Give again, unaltered, the lines of the listing below that run from the line having "#204=IFCMATERIAL('Steel S355J2',$,'steel');" through the line having "#20=IFCINDEXEDPOLYGONALFACE((1,3,4,2));".

****************************************

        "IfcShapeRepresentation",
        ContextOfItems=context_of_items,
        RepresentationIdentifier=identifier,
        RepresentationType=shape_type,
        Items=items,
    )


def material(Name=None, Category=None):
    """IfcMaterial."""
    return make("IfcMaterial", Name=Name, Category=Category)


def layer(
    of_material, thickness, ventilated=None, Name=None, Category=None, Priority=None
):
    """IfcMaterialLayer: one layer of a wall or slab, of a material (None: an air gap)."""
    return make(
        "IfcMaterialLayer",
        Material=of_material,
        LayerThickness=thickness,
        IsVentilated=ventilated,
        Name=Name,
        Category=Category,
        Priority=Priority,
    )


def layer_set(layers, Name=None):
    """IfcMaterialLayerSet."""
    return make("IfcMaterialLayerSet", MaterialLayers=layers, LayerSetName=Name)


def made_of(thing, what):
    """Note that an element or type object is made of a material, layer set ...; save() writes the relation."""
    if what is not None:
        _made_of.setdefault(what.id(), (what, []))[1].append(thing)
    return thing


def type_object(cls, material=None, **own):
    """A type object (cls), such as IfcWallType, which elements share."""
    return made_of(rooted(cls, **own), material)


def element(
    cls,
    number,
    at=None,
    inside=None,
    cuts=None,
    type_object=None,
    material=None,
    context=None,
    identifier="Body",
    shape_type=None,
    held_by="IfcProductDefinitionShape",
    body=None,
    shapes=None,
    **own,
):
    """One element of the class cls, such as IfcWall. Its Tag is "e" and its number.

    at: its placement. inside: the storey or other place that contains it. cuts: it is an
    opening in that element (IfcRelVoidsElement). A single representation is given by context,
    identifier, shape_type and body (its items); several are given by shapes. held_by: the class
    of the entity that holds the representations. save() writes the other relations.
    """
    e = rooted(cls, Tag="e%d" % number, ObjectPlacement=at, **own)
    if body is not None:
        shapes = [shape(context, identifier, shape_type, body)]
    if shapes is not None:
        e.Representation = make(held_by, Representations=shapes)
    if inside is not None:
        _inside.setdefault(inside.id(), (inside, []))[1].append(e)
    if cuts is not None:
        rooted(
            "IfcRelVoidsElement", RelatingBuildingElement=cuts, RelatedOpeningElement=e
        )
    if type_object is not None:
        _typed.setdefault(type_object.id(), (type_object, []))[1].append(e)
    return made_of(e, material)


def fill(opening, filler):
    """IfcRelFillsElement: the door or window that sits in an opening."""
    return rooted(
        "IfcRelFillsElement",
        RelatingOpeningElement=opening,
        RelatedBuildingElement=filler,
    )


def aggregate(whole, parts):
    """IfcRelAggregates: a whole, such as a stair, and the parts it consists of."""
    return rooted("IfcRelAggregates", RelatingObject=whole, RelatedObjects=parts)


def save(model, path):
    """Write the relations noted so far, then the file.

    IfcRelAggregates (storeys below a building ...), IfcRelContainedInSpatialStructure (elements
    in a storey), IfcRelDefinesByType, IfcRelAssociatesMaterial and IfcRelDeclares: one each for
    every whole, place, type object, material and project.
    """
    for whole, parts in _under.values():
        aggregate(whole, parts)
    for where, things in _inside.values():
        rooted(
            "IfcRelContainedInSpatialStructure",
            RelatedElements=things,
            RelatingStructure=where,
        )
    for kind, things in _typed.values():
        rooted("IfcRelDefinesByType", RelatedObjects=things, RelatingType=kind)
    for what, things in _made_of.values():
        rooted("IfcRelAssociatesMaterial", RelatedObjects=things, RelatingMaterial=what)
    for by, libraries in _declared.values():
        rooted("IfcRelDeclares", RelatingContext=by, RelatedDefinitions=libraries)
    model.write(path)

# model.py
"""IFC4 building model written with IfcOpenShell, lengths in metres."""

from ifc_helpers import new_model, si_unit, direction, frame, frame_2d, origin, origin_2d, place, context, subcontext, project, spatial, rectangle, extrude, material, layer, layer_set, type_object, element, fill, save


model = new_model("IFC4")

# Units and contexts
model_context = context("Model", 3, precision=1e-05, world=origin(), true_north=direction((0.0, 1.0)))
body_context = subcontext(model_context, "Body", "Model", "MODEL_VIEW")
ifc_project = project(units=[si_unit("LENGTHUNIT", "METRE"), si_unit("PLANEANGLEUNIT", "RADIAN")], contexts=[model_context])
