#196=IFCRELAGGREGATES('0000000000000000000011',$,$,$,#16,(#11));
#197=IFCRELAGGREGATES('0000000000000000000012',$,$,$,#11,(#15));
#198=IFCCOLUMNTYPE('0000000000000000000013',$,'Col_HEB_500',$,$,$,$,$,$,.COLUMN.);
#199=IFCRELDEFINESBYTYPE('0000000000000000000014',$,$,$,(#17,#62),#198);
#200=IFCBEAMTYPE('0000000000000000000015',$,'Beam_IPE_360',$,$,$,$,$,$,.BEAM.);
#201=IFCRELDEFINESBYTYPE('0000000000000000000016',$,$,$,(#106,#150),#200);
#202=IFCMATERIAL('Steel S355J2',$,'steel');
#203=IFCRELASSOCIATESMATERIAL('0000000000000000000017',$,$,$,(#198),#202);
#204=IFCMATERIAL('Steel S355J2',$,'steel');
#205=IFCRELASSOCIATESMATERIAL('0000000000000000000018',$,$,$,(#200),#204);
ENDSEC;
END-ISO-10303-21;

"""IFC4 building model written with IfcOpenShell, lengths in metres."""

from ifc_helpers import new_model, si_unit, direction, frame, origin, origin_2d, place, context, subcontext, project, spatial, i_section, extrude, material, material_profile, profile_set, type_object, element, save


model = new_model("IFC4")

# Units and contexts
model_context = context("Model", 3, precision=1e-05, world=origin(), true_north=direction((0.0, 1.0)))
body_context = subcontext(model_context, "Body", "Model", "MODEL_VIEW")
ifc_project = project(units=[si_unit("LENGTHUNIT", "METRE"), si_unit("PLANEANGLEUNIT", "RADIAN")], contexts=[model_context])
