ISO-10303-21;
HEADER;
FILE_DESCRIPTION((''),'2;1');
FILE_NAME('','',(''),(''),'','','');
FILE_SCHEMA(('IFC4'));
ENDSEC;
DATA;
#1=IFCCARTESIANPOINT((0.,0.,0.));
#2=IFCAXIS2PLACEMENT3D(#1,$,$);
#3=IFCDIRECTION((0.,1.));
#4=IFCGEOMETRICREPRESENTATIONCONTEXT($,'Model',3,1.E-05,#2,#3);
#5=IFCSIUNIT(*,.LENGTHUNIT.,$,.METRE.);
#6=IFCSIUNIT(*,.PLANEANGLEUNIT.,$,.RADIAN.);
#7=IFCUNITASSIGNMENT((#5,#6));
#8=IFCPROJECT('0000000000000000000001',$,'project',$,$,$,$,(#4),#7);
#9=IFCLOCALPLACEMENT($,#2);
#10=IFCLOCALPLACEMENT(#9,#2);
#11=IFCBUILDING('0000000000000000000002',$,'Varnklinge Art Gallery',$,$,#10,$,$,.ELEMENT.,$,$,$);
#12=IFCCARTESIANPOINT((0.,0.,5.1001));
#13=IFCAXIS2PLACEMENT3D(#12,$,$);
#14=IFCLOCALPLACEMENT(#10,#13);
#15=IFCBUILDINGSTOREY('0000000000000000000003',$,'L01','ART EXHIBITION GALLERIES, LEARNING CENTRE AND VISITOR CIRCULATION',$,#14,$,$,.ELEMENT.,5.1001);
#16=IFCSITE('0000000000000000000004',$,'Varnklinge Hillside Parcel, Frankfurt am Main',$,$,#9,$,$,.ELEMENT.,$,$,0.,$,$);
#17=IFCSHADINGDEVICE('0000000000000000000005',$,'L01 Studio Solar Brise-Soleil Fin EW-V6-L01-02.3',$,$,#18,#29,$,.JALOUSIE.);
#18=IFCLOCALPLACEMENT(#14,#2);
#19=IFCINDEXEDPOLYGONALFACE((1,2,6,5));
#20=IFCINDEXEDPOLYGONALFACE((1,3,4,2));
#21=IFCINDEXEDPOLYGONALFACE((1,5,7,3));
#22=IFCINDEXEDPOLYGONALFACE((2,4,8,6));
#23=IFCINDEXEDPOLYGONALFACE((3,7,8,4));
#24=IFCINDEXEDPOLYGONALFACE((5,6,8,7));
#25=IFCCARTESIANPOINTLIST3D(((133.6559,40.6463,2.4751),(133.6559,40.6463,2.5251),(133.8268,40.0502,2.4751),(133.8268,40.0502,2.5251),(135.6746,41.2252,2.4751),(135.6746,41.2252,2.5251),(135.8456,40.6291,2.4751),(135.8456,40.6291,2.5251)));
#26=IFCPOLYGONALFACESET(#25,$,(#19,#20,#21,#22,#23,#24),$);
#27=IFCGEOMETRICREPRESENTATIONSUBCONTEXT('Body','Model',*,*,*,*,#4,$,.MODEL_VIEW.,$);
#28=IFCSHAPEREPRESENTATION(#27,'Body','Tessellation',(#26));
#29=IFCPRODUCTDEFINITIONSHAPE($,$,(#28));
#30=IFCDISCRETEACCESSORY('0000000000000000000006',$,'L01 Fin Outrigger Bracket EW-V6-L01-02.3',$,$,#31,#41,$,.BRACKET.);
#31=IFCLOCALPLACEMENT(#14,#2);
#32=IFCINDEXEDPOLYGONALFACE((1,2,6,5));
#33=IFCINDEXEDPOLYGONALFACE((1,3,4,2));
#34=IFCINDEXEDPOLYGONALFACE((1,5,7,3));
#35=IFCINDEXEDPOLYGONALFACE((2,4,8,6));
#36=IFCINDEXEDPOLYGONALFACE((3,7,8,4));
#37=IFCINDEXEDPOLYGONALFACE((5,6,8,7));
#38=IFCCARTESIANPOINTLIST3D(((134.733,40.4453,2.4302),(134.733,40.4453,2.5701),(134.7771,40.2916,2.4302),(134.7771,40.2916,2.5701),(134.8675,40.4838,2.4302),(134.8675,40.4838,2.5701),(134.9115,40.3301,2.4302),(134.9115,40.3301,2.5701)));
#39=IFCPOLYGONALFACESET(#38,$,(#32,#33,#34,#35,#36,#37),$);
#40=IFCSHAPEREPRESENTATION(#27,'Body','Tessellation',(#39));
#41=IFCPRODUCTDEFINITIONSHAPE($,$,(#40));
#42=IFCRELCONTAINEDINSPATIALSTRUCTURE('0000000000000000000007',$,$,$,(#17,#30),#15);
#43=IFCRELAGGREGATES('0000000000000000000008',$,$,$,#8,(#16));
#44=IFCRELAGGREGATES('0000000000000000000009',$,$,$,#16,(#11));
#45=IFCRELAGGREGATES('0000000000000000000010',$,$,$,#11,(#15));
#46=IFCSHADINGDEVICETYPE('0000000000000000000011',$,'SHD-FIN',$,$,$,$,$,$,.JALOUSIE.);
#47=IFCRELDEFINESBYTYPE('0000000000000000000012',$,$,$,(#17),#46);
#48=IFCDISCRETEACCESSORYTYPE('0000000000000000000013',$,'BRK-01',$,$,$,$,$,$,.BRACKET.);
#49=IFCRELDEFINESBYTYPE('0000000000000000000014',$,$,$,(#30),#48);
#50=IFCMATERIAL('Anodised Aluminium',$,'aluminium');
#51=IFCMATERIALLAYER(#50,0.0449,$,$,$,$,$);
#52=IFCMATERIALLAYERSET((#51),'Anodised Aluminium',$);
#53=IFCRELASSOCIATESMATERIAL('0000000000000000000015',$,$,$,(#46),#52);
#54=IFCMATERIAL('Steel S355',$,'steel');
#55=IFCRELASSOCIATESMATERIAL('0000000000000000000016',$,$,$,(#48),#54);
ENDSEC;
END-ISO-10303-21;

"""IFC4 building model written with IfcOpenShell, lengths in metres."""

from ifc_helpers import new_model, si_unit, direction, frame, origin, origin_2d, place, context, subcontext, project, spatial, rectangle, extrude, material, layer, layer_set, type_object, element, save


model = new_model("IFC4")

# Units and contexts
model_context = context("Model", 3, precision=1e-05, world=origin(), true_north=direction((0.0, 1.0)))
body_context = subcontext(model_context, "Body", "Model", "MODEL_VIEW")
ifc_project = project(units=[si_unit("LENGTHUNIT", "METRE"), si_unit("PLANEANGLEUNIT", "RADIAN")], contexts=[model_context])

# Site, building, storey
site_placement = place(None, origin())
site = spatial("IfcSite", under=ifc_project, at=site_placement, Name="Varnklinge Hillside Parcel, Frankfurt am Main", CompositionType="ELEMENT", RefElevation=0.0)
building_placement = place(site_placement, origin())
building = spatial("IfcBuilding", under=site, at=building_placement, Name="Varnklinge Art Gallery", CompositionType="ELEMENT")
storey_placement = place(building_placement, frame((0.0, 0.0, 5.1001)))
storey = spatial("IfcBuildingStorey", under=building, at=storey_placement, Name="L01", Description="ART EXHIBITION GALLERIES, LEARNING CENTRE AND VISITOR CIRCULATION", CompositionType="ELEMENT", Elevation=5.1001)

# Shading device
ifc_material_1 = material(Name="Anodised Aluminium", Category="aluminium")
ifc_layer_1 = layer(ifc_material_1, 0.0449)
ifc_layer_set_1 = layer_set([ifc_layer_1], Name="Anodised Aluminium")
shading_device_type = type_object("IfcShadingDeviceType", Name="SHD-FIN", PredefinedType="JALOUSIE", material=ifc_layer_set_1)
shading_device_placement = place(storey_placement, frame((134.7507, 40.6377, 2.4751), z_axis=(0.0, 0.0, 1.0), x_axis=(0.961262, 0.275637, 0.0)))
element("IfcShadingDevice", 1, at=shading_device_placement, inside=storey, type_object=shading_device_type, Name="L01 Studio Solar Brise-Soleil Fin EW-V6-L01-02.3", PredefinedType="JALOUSIE", context=body_context, shape_type="SweptSolid", body=[
    extrude(rectangle(XDim=2.1001, YDim=0.6201, at=origin_2d()), origin(), (0.0, 0.0, 1.0), 0.05),
])

# Discrete accessory
ifc_material_2 = material(Name="Steel S355", Category="steel")
discrete_accessory_type = type_object("IfcDiscreteAccessoryType", Name="BRK-01", PredefinedType="BRACKET", material=ifc_material_2)
discrete_accessory_placement = place(storey_placement, frame((134.8223, 40.3877, 2.4302), z_axis=(0.0, 0.0, 1.0), x_axis=(0.961262, 0.275637, 0.0)))
element("IfcDiscreteAccessory", 2, at=discrete_accessory_placement, inside=storey, type_object=discrete_accessory_type, Name="L01 Fin Outrigger Bracket EW-V6-L01-02.3", PredefinedType="BRACKET", context=body_context, shape_type="SweptSolid", body=[
    extrude(rectangle(XDim=0.1399, YDim=0.1599, at=origin_2d()), origin(), (0.0, 0.0, 1.0), 0.1399),
])

save(model, "model.ifc")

****************************************

__Expected answer__.
#204=IFCMATERIAL('Steel S355J2',$,'steel');
#205=IFCRELASSOCIATESMATERIAL('0000000000000000000018',$,$,$,(#200),#204);
ENDSEC;
END-ISO-10303-21;

"""IFC4 building model written with IfcOpenShell, lengths in metres."""

from ifc_helpers import new_model, si_unit, direction, frame, origin, origin_2d, place, context, subcontext, project, spatial, i_section, extrude, material, material_profile, profile_set, type_object, element, save


model = new_model("IFC4")

# Units and contexts
model_context = context("Model", 3, precision=1e-05, world=origin(), true_north=direction((0.0, 1.0)))
body_context = subcontext(model_context, "Body", "Model", "MODEL_VIEW")
ifc_project = project(units=[si_unit("LENGTHUNIT", "METRE"), si_unit("PLANEANGLEUNIT", "RADIAN")], contexts=[model_context])
ISO-10303-21;
HEADER;
FILE_DESCRIPTION((''),'2;1');
FILE_NAME('','',(''),(''),'','','');
FILE_SCHEMA(('IFC4'));
ENDSEC;
DATA;
#1=IFCCARTESIANPOINT((0.,0.,0.));
#2=IFCAXIS2PLACEMENT3D(#1,$,$);
#3=IFCDIRECTION((0.,1.));
#4=IFCGEOMETRICREPRESENTATIONCONTEXT($,'Model',3,1.E-05,#2,#3);
#5=IFCSIUNIT(*,.LENGTHUNIT.,$,.METRE.);
#6=IFCSIUNIT(*,.PLANEANGLEUNIT.,$,.RADIAN.);
#7=IFCUNITASSIGNMENT((#5,#6));
#8=IFCPROJECT('0000000000000000000001',$,'project',$,$,$,$,(#4),#7);
#9=IFCLOCALPLACEMENT($,#2);
#10=IFCLOCALPLACEMENT(#9,#2);
#11=IFCBUILDING('0000000000000000000002',$,'Varnklinge Art Gallery',$,$,#10,$,$,.ELEMENT.,$,$,$);
#12=IFCCARTESIANPOINT((0.,0.,5.1001));
#13=IFCAXIS2PLACEMENT3D(#12,$,$);
#14=IFCLOCALPLACEMENT(#10,#13);
#15=IFCBUILDINGSTOREY('0000000000000000000003',$,'L01','ART EXHIBITION GALLERIES, LEARNING CENTRE AND VISITOR CIRCULATION',$,#14,$,$,.ELEMENT.,5.1001);
#16=IFCSITE('0000000000000000000004',$,'Varnklinge Hillside Parcel, Frankfurt am Main',$,$,#9,$,$,.ELEMENT.,$,$,0.,$,$);
#17=IFCSHADINGDEVICE('0000000000000000000005',$,'L01 Studio Solar Brise-Soleil Fin EW-V6-L01-02.3',$,$,#18,#29,$,.JALOUSIE.);
#18=IFCLOCALPLACEMENT(#14,#2);
#19=IFCINDEXEDPOLYGONALFACE((1,2,6,5));
#20=IFCINDEXEDPOLYGONALFACE((1,3,4,2));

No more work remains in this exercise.